WORK INSTRUCTION
Would you transcribe the line that holds "#166=IFCINDEXEDPOLYGONALFACE((39,40,42,41));", plus every line beneath it through the end of the data, exactly and with nothing added?

[Stored dataset items]
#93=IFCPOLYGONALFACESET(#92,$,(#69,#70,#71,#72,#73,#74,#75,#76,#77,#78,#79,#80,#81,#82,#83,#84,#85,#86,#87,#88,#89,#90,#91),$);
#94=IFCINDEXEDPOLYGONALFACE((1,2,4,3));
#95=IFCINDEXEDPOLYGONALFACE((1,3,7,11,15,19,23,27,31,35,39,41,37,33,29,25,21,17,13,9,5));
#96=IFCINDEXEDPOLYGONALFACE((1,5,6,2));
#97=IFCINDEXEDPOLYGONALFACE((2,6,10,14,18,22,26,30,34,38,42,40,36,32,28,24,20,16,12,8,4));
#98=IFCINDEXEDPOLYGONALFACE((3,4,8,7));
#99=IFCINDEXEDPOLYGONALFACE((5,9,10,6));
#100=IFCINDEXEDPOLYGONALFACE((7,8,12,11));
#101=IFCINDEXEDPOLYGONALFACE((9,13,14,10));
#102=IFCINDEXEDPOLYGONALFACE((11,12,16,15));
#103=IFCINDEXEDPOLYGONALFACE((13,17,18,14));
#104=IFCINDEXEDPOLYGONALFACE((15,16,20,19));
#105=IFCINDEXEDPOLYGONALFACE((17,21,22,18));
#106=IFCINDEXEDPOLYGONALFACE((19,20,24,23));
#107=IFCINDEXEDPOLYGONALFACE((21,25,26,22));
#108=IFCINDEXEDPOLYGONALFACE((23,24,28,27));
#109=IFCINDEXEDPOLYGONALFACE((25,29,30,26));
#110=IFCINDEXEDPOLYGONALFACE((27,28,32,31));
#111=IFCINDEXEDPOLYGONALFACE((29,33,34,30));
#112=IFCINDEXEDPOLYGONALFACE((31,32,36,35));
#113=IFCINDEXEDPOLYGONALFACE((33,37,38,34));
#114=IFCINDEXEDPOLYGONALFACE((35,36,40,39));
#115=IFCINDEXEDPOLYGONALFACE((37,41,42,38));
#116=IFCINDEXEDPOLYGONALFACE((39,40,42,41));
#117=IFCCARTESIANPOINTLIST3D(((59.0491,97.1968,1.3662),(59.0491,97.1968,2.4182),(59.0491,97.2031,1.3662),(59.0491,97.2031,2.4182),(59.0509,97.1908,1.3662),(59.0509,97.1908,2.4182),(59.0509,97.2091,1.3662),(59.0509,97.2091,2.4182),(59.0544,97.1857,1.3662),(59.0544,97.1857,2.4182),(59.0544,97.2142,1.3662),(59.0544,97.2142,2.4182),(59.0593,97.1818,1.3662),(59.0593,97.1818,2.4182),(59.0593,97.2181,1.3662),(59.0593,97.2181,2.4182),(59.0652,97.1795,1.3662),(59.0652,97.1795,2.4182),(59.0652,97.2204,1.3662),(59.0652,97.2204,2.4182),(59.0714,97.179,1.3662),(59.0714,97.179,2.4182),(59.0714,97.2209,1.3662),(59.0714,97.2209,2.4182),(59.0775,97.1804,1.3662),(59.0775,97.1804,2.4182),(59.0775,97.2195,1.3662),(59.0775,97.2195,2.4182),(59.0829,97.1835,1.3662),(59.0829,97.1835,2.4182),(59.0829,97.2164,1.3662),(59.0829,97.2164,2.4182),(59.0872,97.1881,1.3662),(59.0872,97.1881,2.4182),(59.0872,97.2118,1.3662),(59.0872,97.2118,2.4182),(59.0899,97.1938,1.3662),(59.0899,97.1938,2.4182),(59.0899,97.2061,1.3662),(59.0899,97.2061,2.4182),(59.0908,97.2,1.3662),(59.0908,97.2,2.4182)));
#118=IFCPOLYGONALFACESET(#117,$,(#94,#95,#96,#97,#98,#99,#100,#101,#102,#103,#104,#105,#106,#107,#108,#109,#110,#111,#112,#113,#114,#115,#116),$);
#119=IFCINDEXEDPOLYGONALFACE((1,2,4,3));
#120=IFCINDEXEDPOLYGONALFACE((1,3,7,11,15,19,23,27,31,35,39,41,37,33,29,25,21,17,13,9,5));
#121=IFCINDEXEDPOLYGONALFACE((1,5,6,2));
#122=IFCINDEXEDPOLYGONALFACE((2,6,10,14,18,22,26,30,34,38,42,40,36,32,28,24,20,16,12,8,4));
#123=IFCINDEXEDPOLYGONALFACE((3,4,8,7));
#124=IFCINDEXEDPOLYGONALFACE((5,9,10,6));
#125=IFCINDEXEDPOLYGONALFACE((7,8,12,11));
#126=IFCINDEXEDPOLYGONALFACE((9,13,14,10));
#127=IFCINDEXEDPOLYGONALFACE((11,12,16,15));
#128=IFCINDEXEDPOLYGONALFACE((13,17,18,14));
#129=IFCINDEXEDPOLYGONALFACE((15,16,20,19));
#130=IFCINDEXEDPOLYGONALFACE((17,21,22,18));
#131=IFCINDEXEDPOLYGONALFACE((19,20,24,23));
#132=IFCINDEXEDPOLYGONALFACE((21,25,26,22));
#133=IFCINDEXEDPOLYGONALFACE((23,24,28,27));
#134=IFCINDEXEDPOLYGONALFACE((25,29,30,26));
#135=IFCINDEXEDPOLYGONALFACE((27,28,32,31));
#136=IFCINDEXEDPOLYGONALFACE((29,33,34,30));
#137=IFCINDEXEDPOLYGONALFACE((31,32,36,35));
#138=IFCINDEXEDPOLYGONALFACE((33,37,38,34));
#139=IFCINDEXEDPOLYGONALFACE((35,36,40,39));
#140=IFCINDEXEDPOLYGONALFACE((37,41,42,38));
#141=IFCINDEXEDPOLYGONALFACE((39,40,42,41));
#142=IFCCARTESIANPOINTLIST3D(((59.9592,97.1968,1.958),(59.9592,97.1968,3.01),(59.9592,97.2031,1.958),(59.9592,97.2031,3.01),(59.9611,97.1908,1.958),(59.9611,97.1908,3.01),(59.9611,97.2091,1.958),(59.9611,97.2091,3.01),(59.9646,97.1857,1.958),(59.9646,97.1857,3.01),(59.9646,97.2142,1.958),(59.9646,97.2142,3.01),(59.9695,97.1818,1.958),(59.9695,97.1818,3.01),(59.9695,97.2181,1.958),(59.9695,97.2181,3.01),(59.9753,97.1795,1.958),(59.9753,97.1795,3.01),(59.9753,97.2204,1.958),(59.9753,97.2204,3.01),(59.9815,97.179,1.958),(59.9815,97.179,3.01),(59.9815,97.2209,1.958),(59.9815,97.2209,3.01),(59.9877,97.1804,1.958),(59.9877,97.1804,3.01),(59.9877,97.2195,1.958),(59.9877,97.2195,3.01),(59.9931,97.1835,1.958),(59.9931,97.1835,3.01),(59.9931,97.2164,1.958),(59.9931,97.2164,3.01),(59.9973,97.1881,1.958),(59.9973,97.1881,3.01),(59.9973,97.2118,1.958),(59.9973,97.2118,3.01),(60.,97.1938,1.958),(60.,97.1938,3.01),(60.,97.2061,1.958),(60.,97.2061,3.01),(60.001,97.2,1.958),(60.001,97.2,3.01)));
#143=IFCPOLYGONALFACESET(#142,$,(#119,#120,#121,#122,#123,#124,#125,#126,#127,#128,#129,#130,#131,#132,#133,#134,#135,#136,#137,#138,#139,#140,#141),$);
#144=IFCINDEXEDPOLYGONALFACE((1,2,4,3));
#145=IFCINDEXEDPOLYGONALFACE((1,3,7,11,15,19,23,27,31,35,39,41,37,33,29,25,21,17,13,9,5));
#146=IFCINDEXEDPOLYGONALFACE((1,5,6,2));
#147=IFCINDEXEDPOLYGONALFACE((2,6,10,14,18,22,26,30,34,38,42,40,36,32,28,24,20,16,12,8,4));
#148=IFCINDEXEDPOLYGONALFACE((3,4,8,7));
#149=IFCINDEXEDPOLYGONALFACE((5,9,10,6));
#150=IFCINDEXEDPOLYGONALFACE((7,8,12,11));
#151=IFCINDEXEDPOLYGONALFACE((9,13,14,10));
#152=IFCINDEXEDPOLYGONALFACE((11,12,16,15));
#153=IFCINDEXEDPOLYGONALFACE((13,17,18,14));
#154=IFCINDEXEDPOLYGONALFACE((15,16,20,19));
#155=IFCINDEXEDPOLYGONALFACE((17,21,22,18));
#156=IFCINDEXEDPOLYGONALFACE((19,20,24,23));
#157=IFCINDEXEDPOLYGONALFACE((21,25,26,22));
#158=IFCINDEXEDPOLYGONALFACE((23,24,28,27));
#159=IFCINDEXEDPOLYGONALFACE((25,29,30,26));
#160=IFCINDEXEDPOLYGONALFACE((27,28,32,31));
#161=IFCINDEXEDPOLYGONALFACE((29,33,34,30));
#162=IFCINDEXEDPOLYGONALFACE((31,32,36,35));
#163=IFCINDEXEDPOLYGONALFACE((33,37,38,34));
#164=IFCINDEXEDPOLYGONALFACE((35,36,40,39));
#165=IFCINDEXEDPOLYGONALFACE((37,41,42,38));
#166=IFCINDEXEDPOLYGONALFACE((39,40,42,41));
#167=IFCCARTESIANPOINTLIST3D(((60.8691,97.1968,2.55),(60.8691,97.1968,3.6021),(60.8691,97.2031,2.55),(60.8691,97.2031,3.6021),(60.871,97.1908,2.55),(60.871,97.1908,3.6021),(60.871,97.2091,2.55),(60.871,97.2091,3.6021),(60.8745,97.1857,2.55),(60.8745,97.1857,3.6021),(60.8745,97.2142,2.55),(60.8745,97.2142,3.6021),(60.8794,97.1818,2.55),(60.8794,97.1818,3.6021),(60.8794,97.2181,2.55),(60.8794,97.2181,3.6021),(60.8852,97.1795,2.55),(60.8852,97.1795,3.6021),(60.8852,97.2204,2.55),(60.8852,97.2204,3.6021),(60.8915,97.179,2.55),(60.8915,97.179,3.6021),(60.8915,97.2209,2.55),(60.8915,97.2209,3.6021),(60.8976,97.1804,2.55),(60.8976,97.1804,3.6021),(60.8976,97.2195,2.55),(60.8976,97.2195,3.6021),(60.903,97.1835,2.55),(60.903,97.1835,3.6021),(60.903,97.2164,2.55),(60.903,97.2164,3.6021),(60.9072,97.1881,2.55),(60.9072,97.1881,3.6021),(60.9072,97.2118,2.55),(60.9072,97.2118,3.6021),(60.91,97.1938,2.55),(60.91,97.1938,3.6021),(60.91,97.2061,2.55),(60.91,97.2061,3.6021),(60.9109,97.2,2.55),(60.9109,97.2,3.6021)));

RESULT
#166=IFCINDEXEDPOLYGONALFACE((39,40,42,41));
#167=IFCCARTESIANPOINTLIST3D(((60.8691,97.1968,2.55),(60.8691,97.1968,3.6021),(60.8691,97.2031,2.55),(60.8691,97.2031,3.6021),(60.871,97.1908,2.55),(60.871,97.1908,3.6021),(60.871,97.2091,2.55),(60.871,97.2091,3.6021),(60.8745,97.1857,2.55),(60.8745,97.1857,3.6021),(60.8745,97.2142,2.55),(60.8745,97.2142,3.6021),(60.8794,97.1818,2.55),(60.8794,97.1818,3.6021),(60.8794,97.2181,2.55),(60.8794,97.2181,3.6021),(60.8852,97.1795,2.55),(60.8852,97.1795,3.6021),(60.8852,97.2204,2.55),(60.8852,97.2204,3.6021),(60.8915,97.179,2.55),(60.8915,97.179,3.6021),(60.8915,97.2209,2.55),(60.8915,97.2209,3.6021),(60.8976,97.1804,2.55),(60.8976,97.1804,3.6021),(60.8976,97.2195,2.55),(60.8976,97.2195,3.6021),(60.903,97.1835,2.55),(60.903,97.1835,3.6021),(60.903,97.2164,2.55),(60.903,97.2164,3.6021),(60.9072,97.1881,2.55),(60.9072,97.1881,3.6021),(60.9072,97.2118,2.55),(60.9072,97.2118,3.6021),(60.91,97.1938,2.55),(60.91,97.1938,3.6021),(60.91,97.2061,2.55),(60.91,97.2061,3.6021),(60.9109,97.2,2.55),(60.9109,97.2,3.6021)));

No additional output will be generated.